# [Collected data]
====
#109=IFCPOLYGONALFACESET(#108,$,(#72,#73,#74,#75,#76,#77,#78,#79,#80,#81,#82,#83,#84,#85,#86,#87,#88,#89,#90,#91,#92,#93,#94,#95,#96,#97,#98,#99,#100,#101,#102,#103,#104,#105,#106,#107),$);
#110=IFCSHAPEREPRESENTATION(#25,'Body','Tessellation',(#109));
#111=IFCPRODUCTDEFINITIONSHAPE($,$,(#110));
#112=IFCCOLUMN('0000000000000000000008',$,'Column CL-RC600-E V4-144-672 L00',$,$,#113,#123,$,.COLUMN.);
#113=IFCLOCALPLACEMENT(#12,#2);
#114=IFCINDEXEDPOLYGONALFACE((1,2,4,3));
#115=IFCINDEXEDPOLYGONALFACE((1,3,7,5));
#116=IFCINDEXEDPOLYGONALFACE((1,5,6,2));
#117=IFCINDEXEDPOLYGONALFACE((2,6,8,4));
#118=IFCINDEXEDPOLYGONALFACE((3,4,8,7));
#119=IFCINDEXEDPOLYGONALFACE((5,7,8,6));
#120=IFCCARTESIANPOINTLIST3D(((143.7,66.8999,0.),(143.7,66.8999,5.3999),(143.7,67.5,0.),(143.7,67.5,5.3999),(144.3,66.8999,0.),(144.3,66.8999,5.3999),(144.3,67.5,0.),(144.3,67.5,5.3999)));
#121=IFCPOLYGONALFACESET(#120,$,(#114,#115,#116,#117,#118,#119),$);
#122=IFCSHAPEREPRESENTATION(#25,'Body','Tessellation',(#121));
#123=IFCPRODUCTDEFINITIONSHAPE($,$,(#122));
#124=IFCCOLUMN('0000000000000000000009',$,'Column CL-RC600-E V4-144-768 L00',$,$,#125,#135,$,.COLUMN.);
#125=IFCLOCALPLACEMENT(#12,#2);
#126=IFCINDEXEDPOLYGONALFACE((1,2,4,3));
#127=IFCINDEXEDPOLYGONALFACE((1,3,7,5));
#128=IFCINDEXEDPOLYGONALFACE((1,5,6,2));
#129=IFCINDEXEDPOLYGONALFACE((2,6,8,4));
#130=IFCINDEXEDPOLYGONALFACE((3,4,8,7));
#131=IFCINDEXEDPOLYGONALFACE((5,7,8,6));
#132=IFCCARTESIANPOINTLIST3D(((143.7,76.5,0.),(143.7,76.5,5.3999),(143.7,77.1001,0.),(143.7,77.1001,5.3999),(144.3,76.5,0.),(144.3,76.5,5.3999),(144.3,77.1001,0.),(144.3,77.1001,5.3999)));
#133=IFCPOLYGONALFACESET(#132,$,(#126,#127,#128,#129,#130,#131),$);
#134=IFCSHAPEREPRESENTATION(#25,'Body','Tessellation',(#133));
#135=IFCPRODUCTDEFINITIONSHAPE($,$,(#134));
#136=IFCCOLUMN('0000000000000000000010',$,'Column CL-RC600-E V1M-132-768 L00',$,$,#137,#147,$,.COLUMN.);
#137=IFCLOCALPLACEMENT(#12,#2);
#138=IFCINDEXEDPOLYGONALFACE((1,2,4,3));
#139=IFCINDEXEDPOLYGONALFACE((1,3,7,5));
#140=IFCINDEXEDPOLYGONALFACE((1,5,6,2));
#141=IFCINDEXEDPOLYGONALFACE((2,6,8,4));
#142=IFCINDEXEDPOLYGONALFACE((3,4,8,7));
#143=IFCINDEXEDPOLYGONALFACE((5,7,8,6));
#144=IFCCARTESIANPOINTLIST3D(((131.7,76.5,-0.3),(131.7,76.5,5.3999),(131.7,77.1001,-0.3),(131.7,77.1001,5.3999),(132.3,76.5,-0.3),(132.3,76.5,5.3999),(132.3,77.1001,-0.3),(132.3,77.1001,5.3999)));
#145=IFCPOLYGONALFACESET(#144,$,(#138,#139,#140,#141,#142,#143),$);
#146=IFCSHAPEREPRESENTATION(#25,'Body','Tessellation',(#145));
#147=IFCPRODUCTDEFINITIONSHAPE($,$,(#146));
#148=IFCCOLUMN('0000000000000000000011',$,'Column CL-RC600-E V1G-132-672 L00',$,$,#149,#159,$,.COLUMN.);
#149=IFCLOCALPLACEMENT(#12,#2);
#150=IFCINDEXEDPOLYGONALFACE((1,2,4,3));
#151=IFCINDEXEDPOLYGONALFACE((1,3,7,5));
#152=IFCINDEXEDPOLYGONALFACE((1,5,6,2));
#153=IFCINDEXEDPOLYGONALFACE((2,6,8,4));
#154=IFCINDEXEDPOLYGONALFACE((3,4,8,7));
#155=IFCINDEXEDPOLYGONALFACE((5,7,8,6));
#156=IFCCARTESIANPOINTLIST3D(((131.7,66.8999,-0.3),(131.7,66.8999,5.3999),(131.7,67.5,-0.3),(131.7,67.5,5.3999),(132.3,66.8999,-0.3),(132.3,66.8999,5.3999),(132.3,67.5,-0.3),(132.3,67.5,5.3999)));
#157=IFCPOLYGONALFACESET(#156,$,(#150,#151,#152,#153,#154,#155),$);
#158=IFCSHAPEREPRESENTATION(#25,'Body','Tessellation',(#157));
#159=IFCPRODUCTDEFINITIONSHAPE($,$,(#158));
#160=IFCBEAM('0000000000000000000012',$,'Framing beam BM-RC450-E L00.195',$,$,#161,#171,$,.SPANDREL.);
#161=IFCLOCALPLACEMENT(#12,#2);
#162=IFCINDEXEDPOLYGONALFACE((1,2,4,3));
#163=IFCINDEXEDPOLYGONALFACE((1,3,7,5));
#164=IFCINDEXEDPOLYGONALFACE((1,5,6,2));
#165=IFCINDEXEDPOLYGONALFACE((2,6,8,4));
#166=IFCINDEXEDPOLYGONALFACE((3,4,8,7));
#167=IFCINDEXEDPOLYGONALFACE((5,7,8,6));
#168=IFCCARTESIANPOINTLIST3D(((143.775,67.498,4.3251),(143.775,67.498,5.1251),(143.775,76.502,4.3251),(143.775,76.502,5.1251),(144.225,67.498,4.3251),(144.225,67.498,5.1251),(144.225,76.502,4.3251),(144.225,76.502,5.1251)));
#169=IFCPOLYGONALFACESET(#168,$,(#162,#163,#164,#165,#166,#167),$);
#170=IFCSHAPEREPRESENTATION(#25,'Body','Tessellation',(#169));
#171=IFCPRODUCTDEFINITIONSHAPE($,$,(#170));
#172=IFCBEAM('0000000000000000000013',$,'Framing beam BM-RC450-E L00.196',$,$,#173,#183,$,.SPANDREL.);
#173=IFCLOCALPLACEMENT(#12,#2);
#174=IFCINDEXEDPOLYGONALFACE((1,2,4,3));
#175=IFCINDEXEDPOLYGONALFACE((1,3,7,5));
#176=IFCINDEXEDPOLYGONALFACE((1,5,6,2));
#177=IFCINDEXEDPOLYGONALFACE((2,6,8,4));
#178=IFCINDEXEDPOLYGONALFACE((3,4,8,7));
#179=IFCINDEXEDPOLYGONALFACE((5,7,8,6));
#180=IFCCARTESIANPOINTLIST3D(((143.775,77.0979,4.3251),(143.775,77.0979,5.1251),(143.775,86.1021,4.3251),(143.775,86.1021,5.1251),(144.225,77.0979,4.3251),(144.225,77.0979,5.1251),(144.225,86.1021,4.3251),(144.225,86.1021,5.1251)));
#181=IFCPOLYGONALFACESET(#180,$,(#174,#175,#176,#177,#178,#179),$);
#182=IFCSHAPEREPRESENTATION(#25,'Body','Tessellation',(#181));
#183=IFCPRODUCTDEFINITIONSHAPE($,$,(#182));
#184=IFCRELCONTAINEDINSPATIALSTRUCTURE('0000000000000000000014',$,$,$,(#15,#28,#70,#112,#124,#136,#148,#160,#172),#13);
====
# [The problem]
Set down all of the data above, word for word.

# [Exercise response]
#109=IFCPOLYGONALFACESET(#108,$,(#72,#73,#74,#75,#76,#77,#78,#79,#80,#81,#82,#83,#84,#85,#86,#87,#88,#89,#90,#91,#92,#93,#94,#95,#96,#97,#98,#99,#100,#101,#102,#103,#104,#105,#106,#107),$);
#110=IFCSHAPEREPRESENTATION(#25,'Body','Tessellation',(#109));
#111=IFCPRODUCTDEFINITIONSHAPE($,$,(#110));
#112=IFCCOLUMN('0000000000000000000008',$,'Column CL-RC600-E V4-144-672 L00',$,$,#113,#123,$,.COLUMN.);
#113=IFCLOCALPLACEMENT(#12,#2);
#114=IFCINDEXEDPOLYGONALFACE((1,2,4,3));
#115=IFCINDEXEDPOLYGONALFACE((1,3,7,5));
#116=IFCINDEXEDPOLYGONALFACE((1,5,6,2));
#117=IFCINDEXEDPOLYGONALFACE((2,6,8,4));
#118=IFCINDEXEDPOLYGONALFACE((3,4,8,7));
#119=IFCINDEXEDPOLYGONALFACE((5,7,8,6));
#120=IFCCARTESIANPOINTLIST3D(((143.7,66.8999,0.),(143.7,66.8999,5.3999),(143.7,67.5,0.),(143.7,67.5,5.3999),(144.3,66.8999,0.),(144.3,66.8999,5.3999),(144.3,67.5,0.),(144.3,67.5,5.3999)));
#121=IFCPOLYGONALFACESET(#120,$,(#114,#115,#116,#117,#118,#119),$);
#122=IFCSHAPEREPRESENTATION(#25,'Body','Tessellation',(#121));
#123=IFCPRODUCTDEFINITIONSHAPE($,$,(#122));
#124=IFCCOLUMN('0000000000000000000009',$,'Column CL-RC600-E V4-144-768 L00',$,$,#125,#135,$,.COLUMN.);
#125=IFCLOCALPLACEMENT(#12,#2);
#126=IFCINDEXEDPOLYGONALFACE((1,2,4,3));
#127=IFCINDEXEDPOLYGONALFACE((1,3,7,5));
#128=IFCINDEXEDPOLYGONALFACE((1,5,6,2));
#129=IFCINDEXEDPOLYGONALFACE((2,6,8,4));
#130=IFCINDEXEDPOLYGONALFACE((3,4,8,7));
#131=IFCINDEXEDPOLYGONALFACE((5,7,8,6));
#132=IFCCARTESIANPOINTLIST3D(((143.7,76.5,0.),(143.7,76.5,5.3999),(143.7,77.1001,0.),(143.7,77.1001,5.3999),(144.3,76.5,0.),(144.3,76.5,5.3999),(144.3,77.1001,0.),(144.3,77.1001,5.3999)));
#133=IFCPOLYGONALFACESET(#132,$,(#126,#127,#128,#129,#130,#131),$);
#134=IFCSHAPEREPRESENTATION(#25,'Body','Tessellation',(#133));
#135=IFCPRODUCTDEFINITIONSHAPE($,$,(#134));
#136=IFCCOLUMN('0000000000000000000010',$,'Column CL-RC600-E V1M-132-768 L00',$,$,#137,#147,$,.COLUMN.);
#137=IFCLOCALPLACEMENT(#12,#2);
#138=IFCINDEXEDPOLYGONALFACE((1,2,4,3));
#139=IFCINDEXEDPOLYGONALFACE((1,3,7,5));
#140=IFCINDEXEDPOLYGONALFACE((1,5,6,2));
#141=IFCINDEXEDPOLYGONALFACE((2,6,8,4));
#142=IFCINDEXEDPOLYGONALFACE((3,4,8,7));
#143=IFCINDEXEDPOLYGONALFACE((5,7,8,6));
#144=IFCCARTESIANPOINTLIST3D(((131.7,76.5,-0.3),(131.7,76.5,5.3999),(131.7,77.1001,-0.3),(131.7,77.1001,5.3999),(132.3,76.5,-0.3),(132.3,76.5,5.3999),(132.3,77.1001,-0.3),(132.3,77.1001,5.3999)));
#145=IFCPOLYGONALFACESET(#144,$,(#138,#139,#140,#141,#142,#143),$);
#146=IFCSHAPEREPRESENTATION(#25,'Body','Tessellation',(#145));
#147=IFCPRODUCTDEFINITIONSHAPE($,$,(#146));
#148=IFCCOLUMN('0000000000000000000011',$,'Column CL-RC600-E V1G-132-672 L00',$,$,#149,#159,$,.COLUMN.);
#149=IFCLOCALPLACEMENT(#12,#2);
#150=IFCINDEXEDPOLYGONALFACE((1,2,4,3));
#151=IFCINDEXEDPOLYGONALFACE((1,3,7,5));
#152=IFCINDEXEDPOLYGONALFACE((1,5,6,2));
#153=IFCINDEXEDPOLYGONALFACE((2,6,8,4));
#154=IFCINDEXEDPOLYGONALFACE((3,4,8,7));
#155=IFCINDEXEDPOLYGONALFACE((5,7,8,6));
#156=IFCCARTESIANPOINTLIST3D(((131.7,66.8999,-0.3),(131.7,66.8999,5.3999),(131.7,67.5,-0.3),(131.7,67.5,5.3999),(132.3,66.8999,-0.3),(132.3,66.8999,5.3999),(132.3,67.5,-0.3),(132.3,67.5,5.3999)));
#157=IFCPOLYGONALFACESET(#156,$,(#150,#151,#152,#153,#154,#155),$);
#158=IFCSHAPEREPRESENTATION(#25,'Body','Tessellation',(#157));
#159=IFCPRODUCTDEFINITIONSHAPE($,$,(#158));
#160=IFCBEAM('0000000000000000000012',$,'Framing beam BM-RC450-E L00.195',$,$,#161,#171,$,.SPANDREL.);
#161=IFCLOCALPLACEMENT(#12,#2);
#162=IFCINDEXEDPOLYGONALFACE((1,2,4,3));
#163=IFCINDEXEDPOLYGONALFACE((1,3,7,5));
#164=IFCINDEXEDPOLYGONALFACE((1,5,6,2));
#165=IFCINDEXEDPOLYGONALFACE((2,6,8,4));
#166=IFCINDEXEDPOLYGONALFACE((3,4,8,7));
#167=IFCINDEXEDPOLYGONALFACE((5,7,8,6));
#168=IFCCARTESIANPOINTLIST3D(((143.775,67.498,4.3251),(143.775,67.498,5.1251),(143.775,76.502,4.3251),(143.775,76.502,5.1251),(144.225,67.498,4.3251),(144.225,67.498,5.1251),(144.225,76.502,4.3251),(144.225,76.502,5.1251)));
#169=IFCPOLYGONALFACESET(#168,$,(#162,#163,#164,#165,#166,#167),$);
#170=IFCSHAPEREPRESENTATION(#25,'Body','Tessellation',(#169));
#171=IFCPRODUCTDEFINITIONSHAPE($,$,(#170));
#172=IFCBEAM('0000000000000000000013',$,'Framing beam BM-RC450-E L00.196',$,$,#173,#183,$,.SPANDREL.);
#173=IFCLOCALPLACEMENT(#12,#2);
#174=IFCINDEXEDPOLYGONALFACE((1,2,4,3));
#175=IFCINDEXEDPOLYGONALFACE((1,3,7,5));
#176=IFCINDEXEDPOLYGONALFACE((1,5,6,2));
#177=IFCINDEXEDPOLYGONALFACE((2,6,8,4));
#178=IFCINDEXEDPOLYGONALFACE((3,4,8,7));
#179=IFCINDEXEDPOLYGONALFACE((5,7,8,6));
#180=IFCCARTESIANPOINTLIST3D(((143.775,77.0979,4.3251),(143.775,77.0979,5.1251),(143.775,86.1021,4.3251),(143.775,86.1021,5.1251),(144.225,77.0979,4.3251),(144.225,77.0979,5.1251),(144.225,86.1021,4.3251),(144.225,86.1021,5.1251)));
#181=IFCPOLYGONALFACESET(#180,$,(#174,#175,#176,#177,#178,#179),$);
#182=IFCSHAPEREPRESENTATION(#25,'Body','Tessellation',(#181));
#183=IFCPRODUCTDEFINITIONSHAPE($,$,(#182));
#184=IFCRELCONTAINEDINSPATIALSTRUCTURE('0000000000000000000014',$,$,$,(#15,#28,#70,#112,#124,#136,#148,#160,#172),#13);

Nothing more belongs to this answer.